| TASK TO CARRY OUT |
Copy out each line of the data that contains "WallThickness".
** Opening RECORD SET block **
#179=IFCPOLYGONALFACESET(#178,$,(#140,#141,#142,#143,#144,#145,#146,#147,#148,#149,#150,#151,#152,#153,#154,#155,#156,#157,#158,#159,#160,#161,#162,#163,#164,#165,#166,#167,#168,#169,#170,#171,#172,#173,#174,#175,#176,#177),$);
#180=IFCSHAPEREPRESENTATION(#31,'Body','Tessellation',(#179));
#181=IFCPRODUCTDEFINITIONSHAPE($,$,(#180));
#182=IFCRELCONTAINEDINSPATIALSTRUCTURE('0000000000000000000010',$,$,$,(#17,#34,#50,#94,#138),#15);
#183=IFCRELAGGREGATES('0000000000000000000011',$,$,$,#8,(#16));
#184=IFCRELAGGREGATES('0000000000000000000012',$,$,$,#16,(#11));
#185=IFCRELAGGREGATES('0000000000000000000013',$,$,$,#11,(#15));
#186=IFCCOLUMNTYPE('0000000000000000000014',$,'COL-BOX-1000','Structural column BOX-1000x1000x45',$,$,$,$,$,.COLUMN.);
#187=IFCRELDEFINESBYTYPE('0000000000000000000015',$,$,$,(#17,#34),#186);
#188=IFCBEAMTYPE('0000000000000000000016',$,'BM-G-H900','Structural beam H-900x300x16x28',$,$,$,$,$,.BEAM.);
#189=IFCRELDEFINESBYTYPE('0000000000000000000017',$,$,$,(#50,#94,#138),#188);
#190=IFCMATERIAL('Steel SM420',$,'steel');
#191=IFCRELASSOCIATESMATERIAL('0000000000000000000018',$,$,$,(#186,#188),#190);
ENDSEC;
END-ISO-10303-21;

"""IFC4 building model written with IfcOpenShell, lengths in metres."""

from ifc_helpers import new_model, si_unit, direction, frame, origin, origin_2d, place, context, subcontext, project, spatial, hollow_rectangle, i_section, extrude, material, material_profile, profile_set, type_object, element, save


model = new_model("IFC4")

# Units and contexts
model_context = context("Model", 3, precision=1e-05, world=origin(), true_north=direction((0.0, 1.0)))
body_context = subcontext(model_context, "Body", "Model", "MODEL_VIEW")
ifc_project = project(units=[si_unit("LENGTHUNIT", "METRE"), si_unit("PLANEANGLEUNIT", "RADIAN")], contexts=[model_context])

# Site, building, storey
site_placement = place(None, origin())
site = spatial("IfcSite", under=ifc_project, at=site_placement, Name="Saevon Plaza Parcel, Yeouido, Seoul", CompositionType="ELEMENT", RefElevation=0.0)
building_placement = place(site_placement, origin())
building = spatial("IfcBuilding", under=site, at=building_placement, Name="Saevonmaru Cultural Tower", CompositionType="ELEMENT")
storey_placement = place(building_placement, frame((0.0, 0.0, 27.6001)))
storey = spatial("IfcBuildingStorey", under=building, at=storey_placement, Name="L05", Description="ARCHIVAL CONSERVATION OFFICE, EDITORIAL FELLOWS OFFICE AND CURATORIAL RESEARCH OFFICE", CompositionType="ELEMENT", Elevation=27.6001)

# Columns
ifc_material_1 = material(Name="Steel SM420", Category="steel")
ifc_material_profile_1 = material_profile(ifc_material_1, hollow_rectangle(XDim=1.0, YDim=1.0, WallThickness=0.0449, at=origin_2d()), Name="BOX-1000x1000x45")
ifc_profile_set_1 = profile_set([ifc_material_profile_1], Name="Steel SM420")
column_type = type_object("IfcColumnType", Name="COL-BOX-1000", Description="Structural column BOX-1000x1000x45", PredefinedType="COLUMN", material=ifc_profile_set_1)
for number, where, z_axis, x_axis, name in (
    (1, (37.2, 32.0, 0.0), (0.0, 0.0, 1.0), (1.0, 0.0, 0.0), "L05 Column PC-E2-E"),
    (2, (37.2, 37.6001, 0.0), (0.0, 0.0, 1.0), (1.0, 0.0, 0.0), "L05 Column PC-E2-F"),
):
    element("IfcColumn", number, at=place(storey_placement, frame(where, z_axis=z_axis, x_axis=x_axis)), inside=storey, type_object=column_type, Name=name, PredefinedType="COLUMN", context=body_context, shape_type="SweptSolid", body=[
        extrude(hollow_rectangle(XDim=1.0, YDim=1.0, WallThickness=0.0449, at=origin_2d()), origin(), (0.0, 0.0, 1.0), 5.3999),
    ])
** Closing RECORD SET block **
| OUTPUT BELOW |
ifc_material_profile_1 = material_profile(ifc_material_1, hollow_rectangle(XDim=1.0, YDim=1.0, WallThickness=0.0449, at=origin_2d()), Name="BOX-1000x1000x45")
        extrude(hollow_rectangle(XDim=1.0, YDim=1.0, WallThickness=0.0449, at=origin_2d()), origin(), (0.0, 0.0, 1.0), 5.3999),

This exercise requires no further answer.